:: Work order ::
Pick out all lines of the entries that include the word "Brushed" and copy them.
######
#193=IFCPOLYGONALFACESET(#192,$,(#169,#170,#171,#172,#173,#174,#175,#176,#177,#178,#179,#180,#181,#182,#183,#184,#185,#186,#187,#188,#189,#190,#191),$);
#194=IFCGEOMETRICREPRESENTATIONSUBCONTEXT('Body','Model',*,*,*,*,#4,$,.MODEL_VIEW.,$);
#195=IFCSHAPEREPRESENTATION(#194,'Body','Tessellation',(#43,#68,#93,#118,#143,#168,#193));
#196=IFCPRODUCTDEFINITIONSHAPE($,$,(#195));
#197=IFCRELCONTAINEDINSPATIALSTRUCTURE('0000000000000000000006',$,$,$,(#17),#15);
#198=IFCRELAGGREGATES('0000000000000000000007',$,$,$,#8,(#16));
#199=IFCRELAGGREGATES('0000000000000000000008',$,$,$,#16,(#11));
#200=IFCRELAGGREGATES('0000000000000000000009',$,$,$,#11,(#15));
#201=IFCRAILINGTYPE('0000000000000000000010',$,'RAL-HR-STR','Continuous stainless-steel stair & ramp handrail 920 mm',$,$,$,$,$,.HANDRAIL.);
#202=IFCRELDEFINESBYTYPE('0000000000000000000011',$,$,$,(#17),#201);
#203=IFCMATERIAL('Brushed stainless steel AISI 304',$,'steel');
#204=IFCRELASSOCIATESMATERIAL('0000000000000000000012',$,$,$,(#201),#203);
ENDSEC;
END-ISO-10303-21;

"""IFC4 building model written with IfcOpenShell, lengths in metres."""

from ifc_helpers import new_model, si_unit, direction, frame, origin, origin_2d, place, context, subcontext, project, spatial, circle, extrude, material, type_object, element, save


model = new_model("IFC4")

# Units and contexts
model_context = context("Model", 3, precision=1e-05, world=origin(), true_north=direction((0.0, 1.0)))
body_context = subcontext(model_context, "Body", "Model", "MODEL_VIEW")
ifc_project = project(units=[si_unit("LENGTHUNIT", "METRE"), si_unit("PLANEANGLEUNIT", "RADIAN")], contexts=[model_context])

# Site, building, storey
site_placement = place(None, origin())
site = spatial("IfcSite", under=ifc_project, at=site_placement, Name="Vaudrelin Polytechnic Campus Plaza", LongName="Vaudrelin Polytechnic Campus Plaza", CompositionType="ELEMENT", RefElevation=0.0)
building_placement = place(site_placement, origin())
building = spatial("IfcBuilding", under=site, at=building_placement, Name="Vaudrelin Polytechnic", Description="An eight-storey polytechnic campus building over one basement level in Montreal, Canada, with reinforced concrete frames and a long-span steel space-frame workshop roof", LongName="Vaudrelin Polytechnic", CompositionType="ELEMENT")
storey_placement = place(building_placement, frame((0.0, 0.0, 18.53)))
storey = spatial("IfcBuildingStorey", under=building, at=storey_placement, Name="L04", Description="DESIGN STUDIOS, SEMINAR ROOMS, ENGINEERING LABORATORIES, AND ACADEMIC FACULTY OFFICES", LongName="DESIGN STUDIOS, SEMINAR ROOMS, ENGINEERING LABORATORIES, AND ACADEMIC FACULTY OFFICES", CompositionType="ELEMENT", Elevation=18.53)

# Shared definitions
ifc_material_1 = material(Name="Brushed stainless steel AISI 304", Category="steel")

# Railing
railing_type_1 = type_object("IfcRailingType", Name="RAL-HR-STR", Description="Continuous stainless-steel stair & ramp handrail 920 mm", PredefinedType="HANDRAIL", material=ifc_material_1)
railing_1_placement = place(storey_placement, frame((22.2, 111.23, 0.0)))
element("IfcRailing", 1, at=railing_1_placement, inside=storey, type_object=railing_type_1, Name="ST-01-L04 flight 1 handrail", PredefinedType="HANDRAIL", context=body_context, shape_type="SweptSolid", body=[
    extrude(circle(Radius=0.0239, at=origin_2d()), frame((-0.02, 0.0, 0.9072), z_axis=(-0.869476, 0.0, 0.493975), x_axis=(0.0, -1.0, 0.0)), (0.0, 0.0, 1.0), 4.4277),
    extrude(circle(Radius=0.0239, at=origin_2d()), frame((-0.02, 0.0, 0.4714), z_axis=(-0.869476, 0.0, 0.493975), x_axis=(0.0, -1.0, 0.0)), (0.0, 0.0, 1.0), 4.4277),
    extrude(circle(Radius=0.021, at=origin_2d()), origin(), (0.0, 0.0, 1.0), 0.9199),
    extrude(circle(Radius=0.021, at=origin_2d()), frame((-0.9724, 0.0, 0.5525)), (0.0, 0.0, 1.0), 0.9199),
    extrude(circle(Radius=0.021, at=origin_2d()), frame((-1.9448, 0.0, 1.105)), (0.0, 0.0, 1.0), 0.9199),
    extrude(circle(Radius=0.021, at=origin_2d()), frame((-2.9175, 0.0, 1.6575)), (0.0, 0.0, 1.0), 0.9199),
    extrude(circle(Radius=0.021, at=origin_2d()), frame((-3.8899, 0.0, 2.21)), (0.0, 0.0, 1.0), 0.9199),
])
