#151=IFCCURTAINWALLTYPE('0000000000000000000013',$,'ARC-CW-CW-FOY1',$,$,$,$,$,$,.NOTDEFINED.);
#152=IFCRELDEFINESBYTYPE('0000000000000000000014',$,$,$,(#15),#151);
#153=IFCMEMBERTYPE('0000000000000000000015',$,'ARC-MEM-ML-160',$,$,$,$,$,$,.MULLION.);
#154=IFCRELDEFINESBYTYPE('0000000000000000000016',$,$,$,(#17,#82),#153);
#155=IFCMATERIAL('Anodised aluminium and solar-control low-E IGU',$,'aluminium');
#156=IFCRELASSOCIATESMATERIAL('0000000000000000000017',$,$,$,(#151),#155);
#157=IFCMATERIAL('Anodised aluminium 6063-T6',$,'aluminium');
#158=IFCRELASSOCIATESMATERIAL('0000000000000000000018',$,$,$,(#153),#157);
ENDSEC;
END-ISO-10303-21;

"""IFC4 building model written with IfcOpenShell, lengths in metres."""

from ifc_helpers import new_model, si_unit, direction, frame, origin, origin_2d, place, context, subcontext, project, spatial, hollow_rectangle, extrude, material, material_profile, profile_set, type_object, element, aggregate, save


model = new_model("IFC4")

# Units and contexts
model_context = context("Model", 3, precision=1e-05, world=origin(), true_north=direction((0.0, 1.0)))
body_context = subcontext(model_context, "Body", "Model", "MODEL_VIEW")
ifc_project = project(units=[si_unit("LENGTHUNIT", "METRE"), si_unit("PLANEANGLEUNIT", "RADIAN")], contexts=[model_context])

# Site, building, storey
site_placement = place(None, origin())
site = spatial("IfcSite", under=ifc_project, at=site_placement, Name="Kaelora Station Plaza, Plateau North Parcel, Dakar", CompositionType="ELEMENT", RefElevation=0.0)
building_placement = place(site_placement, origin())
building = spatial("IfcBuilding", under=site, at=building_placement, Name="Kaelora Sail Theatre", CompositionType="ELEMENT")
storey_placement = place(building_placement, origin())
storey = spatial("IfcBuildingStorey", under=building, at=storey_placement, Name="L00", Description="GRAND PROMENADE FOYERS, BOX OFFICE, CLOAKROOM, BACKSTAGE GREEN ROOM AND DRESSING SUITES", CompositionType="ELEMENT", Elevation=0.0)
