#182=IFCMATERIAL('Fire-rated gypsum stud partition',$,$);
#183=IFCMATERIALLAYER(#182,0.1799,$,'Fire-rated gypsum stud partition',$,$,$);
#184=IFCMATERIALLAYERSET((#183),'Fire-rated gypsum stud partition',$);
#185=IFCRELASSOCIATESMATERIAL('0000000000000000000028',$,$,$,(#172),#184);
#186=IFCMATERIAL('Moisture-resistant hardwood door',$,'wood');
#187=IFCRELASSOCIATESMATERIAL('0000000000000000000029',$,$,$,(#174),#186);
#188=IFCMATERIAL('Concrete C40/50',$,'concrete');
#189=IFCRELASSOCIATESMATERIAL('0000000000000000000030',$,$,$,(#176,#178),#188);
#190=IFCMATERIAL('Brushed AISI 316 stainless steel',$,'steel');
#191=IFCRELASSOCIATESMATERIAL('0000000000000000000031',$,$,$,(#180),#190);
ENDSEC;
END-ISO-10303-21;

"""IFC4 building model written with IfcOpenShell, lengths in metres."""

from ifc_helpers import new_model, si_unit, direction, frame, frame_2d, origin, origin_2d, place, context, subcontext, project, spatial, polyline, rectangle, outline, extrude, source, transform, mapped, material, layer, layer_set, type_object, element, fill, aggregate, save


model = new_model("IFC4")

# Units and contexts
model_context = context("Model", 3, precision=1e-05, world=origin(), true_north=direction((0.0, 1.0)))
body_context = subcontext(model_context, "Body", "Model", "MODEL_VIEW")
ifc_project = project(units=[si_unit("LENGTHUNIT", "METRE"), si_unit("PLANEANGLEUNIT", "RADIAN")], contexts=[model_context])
######
:: Written answer ::
#203=IFCMATERIAL('Brushed stainless steel AISI 304',$,'steel');
ifc_material_1 = material(Name="Brushed stainless steel AISI 304", Category="steel")
#190=IFCMATERIAL('Brushed AISI 316 stainless steel',$,'steel');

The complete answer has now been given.